▸ **Exercise goal**: Count every line that includes the string "IFCPRODUCTDEFINITIONSHAPE" in the entries that follow. Nothing besides the number is needed.

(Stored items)
Segment Open
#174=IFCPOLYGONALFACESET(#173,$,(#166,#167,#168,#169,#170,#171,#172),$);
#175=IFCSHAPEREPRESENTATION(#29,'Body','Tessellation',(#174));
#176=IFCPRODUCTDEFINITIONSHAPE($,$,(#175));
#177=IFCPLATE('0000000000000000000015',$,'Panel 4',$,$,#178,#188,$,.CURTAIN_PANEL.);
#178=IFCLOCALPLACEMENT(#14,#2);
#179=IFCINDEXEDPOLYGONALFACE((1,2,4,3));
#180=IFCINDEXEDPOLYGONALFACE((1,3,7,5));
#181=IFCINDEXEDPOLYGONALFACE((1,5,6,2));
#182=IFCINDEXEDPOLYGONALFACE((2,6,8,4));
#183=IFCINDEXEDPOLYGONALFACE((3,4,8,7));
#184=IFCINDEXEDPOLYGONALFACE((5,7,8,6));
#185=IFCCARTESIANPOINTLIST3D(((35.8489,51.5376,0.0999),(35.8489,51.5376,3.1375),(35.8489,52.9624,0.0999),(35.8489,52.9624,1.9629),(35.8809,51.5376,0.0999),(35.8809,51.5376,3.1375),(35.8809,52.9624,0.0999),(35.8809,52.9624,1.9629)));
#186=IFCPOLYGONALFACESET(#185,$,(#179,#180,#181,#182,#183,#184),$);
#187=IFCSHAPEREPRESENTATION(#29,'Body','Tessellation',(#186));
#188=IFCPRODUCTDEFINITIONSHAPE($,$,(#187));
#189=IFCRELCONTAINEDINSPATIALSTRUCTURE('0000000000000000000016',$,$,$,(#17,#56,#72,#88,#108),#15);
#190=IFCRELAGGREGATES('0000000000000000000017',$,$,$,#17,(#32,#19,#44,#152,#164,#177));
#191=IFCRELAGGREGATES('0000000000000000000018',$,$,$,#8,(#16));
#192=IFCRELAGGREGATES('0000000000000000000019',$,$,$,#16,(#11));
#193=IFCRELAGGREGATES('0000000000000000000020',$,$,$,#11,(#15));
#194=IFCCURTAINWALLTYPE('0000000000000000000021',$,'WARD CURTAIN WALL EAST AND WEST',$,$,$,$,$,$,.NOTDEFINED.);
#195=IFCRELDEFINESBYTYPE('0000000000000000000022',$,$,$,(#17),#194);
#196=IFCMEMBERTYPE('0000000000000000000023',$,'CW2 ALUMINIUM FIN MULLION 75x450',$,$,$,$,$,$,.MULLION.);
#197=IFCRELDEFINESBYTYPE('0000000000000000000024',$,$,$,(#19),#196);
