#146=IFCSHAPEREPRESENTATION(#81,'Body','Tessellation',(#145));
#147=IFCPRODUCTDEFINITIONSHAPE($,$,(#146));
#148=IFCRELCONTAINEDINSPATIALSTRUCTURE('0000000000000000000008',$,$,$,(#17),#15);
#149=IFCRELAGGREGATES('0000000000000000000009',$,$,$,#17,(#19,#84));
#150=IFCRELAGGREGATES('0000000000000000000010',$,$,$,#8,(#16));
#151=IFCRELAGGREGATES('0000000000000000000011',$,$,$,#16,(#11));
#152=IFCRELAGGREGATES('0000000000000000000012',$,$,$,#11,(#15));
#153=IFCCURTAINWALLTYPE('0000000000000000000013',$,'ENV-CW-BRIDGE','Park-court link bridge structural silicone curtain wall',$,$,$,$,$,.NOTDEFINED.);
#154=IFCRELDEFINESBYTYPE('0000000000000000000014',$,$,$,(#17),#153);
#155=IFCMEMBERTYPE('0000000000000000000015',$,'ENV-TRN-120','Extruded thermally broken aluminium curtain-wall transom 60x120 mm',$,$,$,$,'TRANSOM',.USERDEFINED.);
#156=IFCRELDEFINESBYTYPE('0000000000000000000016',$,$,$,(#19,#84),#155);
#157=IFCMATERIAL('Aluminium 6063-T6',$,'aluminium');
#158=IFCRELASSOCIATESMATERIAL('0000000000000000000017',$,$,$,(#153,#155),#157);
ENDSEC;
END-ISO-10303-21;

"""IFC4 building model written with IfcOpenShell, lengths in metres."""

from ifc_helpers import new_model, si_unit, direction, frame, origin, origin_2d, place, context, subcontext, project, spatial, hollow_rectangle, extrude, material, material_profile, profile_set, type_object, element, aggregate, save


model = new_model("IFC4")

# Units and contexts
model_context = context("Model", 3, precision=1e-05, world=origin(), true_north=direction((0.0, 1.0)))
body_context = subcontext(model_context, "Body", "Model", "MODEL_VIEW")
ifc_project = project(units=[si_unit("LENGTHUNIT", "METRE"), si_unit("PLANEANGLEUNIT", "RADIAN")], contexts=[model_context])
Segment Closed
▸ **Task output**: 3